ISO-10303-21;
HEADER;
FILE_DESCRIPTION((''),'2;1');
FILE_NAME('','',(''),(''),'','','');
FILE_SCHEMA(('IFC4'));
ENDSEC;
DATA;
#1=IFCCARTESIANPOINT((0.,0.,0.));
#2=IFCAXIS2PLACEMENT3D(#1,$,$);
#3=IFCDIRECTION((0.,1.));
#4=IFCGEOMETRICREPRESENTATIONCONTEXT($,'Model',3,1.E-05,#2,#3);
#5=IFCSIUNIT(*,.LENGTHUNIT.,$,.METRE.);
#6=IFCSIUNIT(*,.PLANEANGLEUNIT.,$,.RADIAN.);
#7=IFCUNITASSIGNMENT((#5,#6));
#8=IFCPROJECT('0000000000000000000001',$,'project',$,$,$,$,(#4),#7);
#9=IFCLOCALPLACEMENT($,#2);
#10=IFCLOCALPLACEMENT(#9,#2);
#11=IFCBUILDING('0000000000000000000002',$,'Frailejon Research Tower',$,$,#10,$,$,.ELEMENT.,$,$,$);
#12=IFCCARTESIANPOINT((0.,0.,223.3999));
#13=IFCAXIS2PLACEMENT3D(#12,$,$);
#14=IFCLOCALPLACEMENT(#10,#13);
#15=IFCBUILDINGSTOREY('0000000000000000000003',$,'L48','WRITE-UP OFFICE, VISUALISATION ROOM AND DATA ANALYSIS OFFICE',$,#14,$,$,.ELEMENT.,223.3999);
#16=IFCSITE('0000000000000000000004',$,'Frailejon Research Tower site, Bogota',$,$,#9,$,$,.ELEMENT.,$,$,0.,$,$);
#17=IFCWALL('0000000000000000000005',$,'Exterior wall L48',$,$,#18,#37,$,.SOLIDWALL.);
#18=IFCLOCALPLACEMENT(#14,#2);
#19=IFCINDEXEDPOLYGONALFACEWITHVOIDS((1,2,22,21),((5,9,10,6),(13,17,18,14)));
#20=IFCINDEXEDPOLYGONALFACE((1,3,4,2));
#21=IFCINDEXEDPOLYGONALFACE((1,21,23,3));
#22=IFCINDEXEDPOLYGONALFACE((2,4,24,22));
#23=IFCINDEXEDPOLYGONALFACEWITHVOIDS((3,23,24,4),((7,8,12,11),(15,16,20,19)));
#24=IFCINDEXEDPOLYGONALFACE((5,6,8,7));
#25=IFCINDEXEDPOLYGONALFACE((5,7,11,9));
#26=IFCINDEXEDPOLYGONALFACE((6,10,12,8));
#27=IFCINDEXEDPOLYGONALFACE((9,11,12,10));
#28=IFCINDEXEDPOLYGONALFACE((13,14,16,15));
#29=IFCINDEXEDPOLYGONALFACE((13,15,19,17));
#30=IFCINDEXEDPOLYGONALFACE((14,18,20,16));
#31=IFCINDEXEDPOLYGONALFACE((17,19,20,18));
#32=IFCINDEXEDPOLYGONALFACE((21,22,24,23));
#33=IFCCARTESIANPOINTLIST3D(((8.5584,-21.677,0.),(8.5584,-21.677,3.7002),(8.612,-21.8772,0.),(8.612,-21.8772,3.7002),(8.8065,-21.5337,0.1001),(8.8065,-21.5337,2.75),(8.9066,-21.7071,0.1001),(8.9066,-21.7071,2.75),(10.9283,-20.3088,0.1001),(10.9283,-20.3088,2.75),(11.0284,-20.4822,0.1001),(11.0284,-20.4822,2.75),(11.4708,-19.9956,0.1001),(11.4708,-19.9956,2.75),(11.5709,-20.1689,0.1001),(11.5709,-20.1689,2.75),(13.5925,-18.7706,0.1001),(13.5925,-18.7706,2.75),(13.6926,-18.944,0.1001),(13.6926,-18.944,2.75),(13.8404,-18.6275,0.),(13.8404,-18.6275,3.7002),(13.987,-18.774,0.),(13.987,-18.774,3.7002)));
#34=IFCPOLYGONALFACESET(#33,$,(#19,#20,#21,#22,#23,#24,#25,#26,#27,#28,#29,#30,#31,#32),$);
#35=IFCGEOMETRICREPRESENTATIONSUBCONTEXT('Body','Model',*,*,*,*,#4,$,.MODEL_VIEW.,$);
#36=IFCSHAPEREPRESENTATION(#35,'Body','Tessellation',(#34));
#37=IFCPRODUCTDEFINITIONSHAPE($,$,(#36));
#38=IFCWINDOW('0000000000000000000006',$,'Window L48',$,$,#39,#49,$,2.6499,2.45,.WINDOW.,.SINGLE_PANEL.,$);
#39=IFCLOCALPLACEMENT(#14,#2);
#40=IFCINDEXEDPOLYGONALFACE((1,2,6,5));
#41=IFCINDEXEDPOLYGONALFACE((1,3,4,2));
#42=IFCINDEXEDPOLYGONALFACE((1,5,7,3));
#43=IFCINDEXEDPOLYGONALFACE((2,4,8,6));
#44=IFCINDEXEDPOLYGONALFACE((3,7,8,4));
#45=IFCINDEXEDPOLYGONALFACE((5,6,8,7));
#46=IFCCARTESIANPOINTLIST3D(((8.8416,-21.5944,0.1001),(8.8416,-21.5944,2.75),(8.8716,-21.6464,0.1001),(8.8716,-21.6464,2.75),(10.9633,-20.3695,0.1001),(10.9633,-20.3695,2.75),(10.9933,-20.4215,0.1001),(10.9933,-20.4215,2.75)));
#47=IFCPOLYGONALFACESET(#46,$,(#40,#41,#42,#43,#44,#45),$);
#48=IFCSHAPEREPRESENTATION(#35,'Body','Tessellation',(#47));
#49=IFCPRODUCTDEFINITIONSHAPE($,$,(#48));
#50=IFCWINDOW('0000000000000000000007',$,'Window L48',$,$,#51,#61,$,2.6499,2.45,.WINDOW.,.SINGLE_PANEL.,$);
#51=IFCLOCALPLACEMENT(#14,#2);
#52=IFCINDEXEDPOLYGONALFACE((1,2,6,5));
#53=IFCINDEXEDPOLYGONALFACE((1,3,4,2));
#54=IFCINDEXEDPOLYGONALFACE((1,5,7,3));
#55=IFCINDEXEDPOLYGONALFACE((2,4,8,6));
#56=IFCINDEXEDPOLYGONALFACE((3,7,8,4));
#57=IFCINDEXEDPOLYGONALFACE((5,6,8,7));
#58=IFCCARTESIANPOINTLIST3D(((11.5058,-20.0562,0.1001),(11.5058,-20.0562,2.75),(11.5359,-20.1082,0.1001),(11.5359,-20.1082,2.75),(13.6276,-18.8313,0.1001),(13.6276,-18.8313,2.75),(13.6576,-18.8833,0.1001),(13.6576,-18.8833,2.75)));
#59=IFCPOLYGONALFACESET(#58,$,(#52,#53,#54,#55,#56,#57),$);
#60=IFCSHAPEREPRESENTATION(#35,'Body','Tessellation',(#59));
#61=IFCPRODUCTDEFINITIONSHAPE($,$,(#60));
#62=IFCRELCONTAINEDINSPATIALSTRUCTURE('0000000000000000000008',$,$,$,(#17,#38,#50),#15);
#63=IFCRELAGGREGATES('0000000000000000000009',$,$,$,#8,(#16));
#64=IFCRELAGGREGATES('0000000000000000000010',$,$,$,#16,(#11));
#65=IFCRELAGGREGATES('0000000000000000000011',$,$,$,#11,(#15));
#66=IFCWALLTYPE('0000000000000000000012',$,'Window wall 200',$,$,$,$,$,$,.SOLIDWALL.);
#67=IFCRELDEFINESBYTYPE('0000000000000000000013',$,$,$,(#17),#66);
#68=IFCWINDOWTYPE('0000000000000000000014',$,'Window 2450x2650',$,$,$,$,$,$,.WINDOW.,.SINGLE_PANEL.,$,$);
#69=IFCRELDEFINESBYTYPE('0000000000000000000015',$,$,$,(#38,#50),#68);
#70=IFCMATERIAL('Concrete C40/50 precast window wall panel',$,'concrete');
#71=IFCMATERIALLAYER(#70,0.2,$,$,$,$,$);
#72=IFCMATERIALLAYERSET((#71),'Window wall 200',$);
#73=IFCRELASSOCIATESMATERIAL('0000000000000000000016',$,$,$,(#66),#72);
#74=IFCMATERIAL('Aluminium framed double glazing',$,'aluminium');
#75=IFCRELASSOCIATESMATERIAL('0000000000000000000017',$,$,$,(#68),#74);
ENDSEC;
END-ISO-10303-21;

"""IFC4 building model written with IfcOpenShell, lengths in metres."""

from ifc_helpers import new_model, si_unit, direction, frame, frame_2d, origin, place, context, subcontext, project, spatial, polyline, rectangle, outline, extrude, material, layer, layer_set, type_object, element, fill, save


model = new_model("IFC4")

# Units and contexts
model_context = context("Model", 3, precision=1e-05, world=origin(), true_north=direction((0.0, 1.0)))
body_context = subcontext(model_context, "Body", "Model", "MODEL_VIEW")
ifc_project = project(units=[si_unit("LENGTHUNIT", "METRE"), si_unit("PLANEANGLEUNIT", "RADIAN")], contexts=[model_context])

# Site, building, storey
site_placement = place(None, origin())
site = spatial("IfcSite", under=ifc_project, at=site_placement, Name="Frailejon Research Tower site, Bogota", CompositionType="ELEMENT", RefElevation=0.0)
building_placement = place(site_placement, origin())
building = spatial("IfcBuilding", under=site, at=building_placement, Name="Frailejon Research Tower", CompositionType="ELEMENT")
storey_placement = place(building_placement, frame((0.0, 0.0, 223.3999)))
storey = spatial("IfcBuildingStorey", under=building, at=storey_placement, Name="L48", Description="WRITE-UP OFFICE, VISUALISATION ROOM AND DATA ANALYSIS OFFICE", CompositionType="ELEMENT", Elevation=223.3999)

# Wall, openings, windows
ifc_material_1 = material(Name="Concrete C40/50 precast window wall panel", Category="concrete")
ifc_layer_1 = layer(ifc_material_1, 0.2)
ifc_layer_set_1 = layer_set([ifc_layer_1], Name="Window wall 200")
wall_type_1 = type_object("IfcWallType", Name="Window wall 200", PredefinedType="SOLIDWALL", material=ifc_layer_set_1)
wall_1_placement = place(storey_placement, frame((8.5852, -21.7771, 0.0), z_axis=(0.0, 0.0, 1.0), x_axis=(0.86603, 0.499993, 0.0)))
wall_1 = element("IfcWall", 1, at=wall_1_placement, inside=storey, type_object=wall_type_1, Name="Exterior wall L48", PredefinedType="SOLIDWALL", context=body_context, shape_type="SweptSolid", body=[
    extrude(outline(polyline([(-0.0269, -0.1001), (1.0076, -0.1001), (2.042, -0.1001), (3.0764, -0.1001), (4.1108, -0.1001), (5.1453, -0.1001), (6.1797, -0.1001), (6.126, 0.1001), (5.1094, 0.1001), (4.093, 0.1001), (3.0764, 0.1001), (2.0598, 0.1001), (1.0435, 0.1001), (0.0269, 0.1001), (-0.0269, -0.1001)])), origin(), (0.0, 0.0, 1.0), 3.7002),
])
opening_1_placement = place(wall_1_placement, frame((0.3132, 0.0, 0.1001)))
opening_1 = element("IfcOpeningElement", 2, at=opening_1_placement, cuts=wall_1, PredefinedType="OPENING", context=body_context, shape_type="SweptSolid", body=[
    extrude(rectangle(XDim=2.45, YDim=2.6499, at=frame_2d((1.2251, 1.325))), frame((0.0, 0.1099, 0.0), z_axis=(0.0, -1.0, 0.0), x_axis=(1.0, 0.0, 0.0)), (0.0, 0.0, 1.0), 0.22),
])
opening_2_placement = place(wall_1_placement, frame((3.3896, 0.0, 0.1001)))
opening_2 = element("IfcOpeningElement", 3, at=opening_2_placement, cuts=wall_1, PredefinedType="OPENING", context=body_context, shape_type="SweptSolid", body=[
    extrude(rectangle(XDim=2.45, YDim=2.6499, at=frame_2d((1.2251, 1.325))), frame((0.0, 0.1099, 0.0), z_axis=(0.0, -1.0, 0.0), x_axis=(1.0, 0.0, 0.0)), (0.0, 0.0, 1.0), 0.22),
])
ifc_material_2 = material(Name="Aluminium framed double glazing", Category="aluminium")
window_type_1 = type_object("IfcWindowType", Name="Window 2450x2650", PartitioningType="SINGLE_PANEL", PredefinedType="WINDOW", material=ifc_material_2)
window_1_placement = place(opening_1_placement, origin())
window_1 = element("IfcWindow", 4, at=window_1_placement, inside=storey, type_object=window_type_1, Name="Window L48", OverallHeight=2.6499, OverallWidth=2.45, PartitioningType="SINGLE_PANEL", PredefinedType="WINDOW", context=body_context, shape_type="SweptSolid", body=[
    extrude(rectangle(XDim=2.45, YDim=2.6499, at=frame_2d((1.2251, 1.325))), frame((0.0, 0.03, 0.0), z_axis=(0.0, -1.0, 0.0), x_axis=(1.0, 0.0, 0.0)), (0.0, 0.0, 1.0), 0.0601),
])
fill(opening_1, window_1)
window_2_placement = place(opening_2_placement, origin())
window_2 = element("IfcWindow", 5, at=window_2_placement, inside=storey, type_object=window_type_1, Name="Window L48", OverallHeight=2.6499, OverallWidth=2.45, PartitioningType="SINGLE_PANEL", PredefinedType="WINDOW", context=body_context, shape_type="SweptSolid", body=[
    extrude(rectangle(XDim=2.45, YDim=2.6499, at=frame_2d((1.2251, 1.325))), frame((0.0, 0.03, 0.0), z_axis=(0.0, -1.0, 0.0), x_axis=(1.0, 0.0, 0.0)), (0.0, 0.0, 1.0), 0.0601),
])
fill(opening_2, window_2)

save(model, "model.ifc")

▶ Try it:
Please output exactly the lines between the one holding "#14=IFCLOCALPLACEMENT(#10,#13);" and the one holding "#29=IFCINDEXEDPOLYGONALFACE((13,15,19,17));" in the records above, inclusive, and nothing more.

▶ Finished exercise:
#14=IFCLOCALPLACEMENT(#10,#13);
#15=IFCBUILDINGSTOREY('0000000000000000000003',$,'L48','WRITE-UP OFFICE, VISUALISATION ROOM AND DATA ANALYSIS OFFICE',$,#14,$,$,.ELEMENT.,223.3999);
#16=IFCSITE('0000000000000000000004',$,'Frailejon Research Tower site, Bogota',$,$,#9,$,$,.ELEMENT.,$,$,0.,$,$);
#17=IFCWALL('0000000000000000000005',$,'Exterior wall L48',$,$,#18,#37,$,.SOLIDWALL.);
#18=IFCLOCALPLACEMENT(#14,#2);
#19=IFCINDEXEDPOLYGONALFACEWITHVOIDS((1,2,22,21),((5,9,10,6),(13,17,18,14)));
#20=IFCINDEXEDPOLYGONALFACE((1,3,4,2));
#21=IFCINDEXEDPOLYGONALFACE((1,21,23,3));
#22=IFCINDEXEDPOLYGONALFACE((2,4,24,22));
#23=IFCINDEXEDPOLYGONALFACEWITHVOIDS((3,23,24,4),((7,8,12,11),(15,16,20,19)));
#24=IFCINDEXEDPOLYGONALFACE((5,6,8,7));
#25=IFCINDEXEDPOLYGONALFACE((5,7,11,9));
#26=IFCINDEXEDPOLYGONALFACE((6,10,12,8));
#27=IFCINDEXEDPOLYGONALFACE((9,11,12,10));
#28=IFCINDEXEDPOLYGONALFACE((13,14,16,15));
#29=IFCINDEXEDPOLYGONALFACE((13,15,19,17));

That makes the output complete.